» Brief
The lines from the top of the records below through the one containing "#181=IFCRELAGGREGATES('0000000000000000000010',$,$,$,#11,(#15));" are to be transcribed exactly, and nothing else is to be added.

Stored data:

-=-=-

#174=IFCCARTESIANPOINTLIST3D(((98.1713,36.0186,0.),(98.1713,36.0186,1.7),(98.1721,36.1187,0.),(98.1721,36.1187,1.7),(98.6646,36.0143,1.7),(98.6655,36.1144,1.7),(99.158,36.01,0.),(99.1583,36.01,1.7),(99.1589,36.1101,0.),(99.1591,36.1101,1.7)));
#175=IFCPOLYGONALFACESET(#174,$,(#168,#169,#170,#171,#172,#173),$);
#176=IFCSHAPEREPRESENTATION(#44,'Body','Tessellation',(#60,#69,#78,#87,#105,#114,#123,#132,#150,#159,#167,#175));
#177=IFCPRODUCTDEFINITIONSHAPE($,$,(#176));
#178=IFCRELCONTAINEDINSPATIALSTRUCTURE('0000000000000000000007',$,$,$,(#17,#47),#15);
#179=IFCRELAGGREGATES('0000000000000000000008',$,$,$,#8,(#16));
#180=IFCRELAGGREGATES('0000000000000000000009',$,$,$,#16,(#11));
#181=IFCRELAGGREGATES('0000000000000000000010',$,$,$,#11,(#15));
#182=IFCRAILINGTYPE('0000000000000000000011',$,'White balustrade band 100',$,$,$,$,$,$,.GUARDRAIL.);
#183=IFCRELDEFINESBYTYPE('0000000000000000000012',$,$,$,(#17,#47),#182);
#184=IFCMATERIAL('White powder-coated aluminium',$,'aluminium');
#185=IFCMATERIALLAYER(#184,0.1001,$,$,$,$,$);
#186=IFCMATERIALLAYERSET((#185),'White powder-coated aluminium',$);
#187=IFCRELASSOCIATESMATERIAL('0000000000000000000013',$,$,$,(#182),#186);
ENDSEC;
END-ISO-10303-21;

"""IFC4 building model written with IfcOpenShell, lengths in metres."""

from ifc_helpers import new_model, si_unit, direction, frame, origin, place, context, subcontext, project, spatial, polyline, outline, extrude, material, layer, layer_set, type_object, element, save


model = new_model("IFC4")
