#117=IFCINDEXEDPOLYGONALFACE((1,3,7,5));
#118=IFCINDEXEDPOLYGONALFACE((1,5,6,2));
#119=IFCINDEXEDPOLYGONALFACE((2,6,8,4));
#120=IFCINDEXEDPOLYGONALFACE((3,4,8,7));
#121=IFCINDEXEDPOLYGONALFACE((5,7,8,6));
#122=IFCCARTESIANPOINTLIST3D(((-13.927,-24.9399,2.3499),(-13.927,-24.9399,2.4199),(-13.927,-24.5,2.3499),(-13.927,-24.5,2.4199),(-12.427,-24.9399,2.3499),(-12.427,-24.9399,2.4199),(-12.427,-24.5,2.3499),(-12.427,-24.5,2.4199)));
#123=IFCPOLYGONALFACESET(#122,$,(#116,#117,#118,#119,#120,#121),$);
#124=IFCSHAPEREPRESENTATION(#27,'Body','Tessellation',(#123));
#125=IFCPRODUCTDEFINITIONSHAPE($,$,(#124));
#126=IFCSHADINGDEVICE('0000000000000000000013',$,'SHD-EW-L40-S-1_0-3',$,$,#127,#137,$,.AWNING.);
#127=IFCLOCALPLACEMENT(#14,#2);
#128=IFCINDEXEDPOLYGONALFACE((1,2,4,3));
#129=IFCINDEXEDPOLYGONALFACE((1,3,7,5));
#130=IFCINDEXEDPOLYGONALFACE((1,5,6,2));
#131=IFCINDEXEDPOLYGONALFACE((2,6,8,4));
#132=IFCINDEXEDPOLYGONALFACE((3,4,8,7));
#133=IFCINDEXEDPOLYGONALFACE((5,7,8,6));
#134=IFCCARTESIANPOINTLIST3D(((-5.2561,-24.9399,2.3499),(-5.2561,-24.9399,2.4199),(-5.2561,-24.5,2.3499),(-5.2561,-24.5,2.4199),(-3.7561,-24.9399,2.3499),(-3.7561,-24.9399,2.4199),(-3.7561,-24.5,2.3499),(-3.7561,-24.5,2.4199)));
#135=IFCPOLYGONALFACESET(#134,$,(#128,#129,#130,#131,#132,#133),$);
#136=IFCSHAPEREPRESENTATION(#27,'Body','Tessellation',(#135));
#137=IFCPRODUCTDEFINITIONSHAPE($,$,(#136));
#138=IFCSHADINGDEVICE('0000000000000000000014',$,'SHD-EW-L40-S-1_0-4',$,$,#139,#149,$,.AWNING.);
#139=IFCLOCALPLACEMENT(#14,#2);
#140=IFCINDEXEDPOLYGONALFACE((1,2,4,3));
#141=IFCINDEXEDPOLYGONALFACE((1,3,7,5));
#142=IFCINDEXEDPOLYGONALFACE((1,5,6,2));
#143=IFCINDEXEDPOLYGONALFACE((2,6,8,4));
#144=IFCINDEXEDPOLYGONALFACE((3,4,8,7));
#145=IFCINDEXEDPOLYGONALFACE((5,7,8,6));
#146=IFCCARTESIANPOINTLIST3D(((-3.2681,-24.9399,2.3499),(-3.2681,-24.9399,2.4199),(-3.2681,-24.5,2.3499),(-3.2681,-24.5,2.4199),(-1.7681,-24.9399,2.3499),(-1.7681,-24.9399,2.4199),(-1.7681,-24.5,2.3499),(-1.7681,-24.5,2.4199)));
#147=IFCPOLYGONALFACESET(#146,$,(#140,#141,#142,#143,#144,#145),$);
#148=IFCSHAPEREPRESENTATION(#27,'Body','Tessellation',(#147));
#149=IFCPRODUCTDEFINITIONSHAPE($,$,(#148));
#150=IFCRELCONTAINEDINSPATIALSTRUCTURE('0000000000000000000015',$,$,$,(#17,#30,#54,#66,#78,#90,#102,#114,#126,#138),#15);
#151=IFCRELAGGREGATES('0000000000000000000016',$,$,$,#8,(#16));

-=-=-

» Task answer
#174=IFCCARTESIANPOINTLIST3D(((98.1713,36.0186,0.),(98.1713,36.0186,1.7),(98.1721,36.1187,0.),(98.1721,36.1187,1.7),(98.6646,36.0143,1.7),(98.6655,36.1144,1.7),(99.158,36.01,0.),(99.1583,36.01,1.7),(99.1589,36.1101,0.),(99.1591,36.1101,1.7)));
#175=IFCPOLYGONALFACESET(#174,$,(#168,#169,#170,#171,#172,#173),$);
#176=IFCSHAPEREPRESENTATION(#44,'Body','Tessellation',(#60,#69,#78,#87,#105,#114,#123,#132,#150,#159,#167,#175));
#177=IFCPRODUCTDEFINITIONSHAPE($,$,(#176));
#178=IFCRELCONTAINEDINSPATIALSTRUCTURE('0000000000000000000007',$,$,$,(#17,#47),#15);
#179=IFCRELAGGREGATES('0000000000000000000008',$,$,$,#8,(#16));
#180=IFCRELAGGREGATES('0000000000000000000009',$,$,$,#16,(#11));
#181=IFCRELAGGREGATES('0000000000000000000010',$,$,$,#11,(#15));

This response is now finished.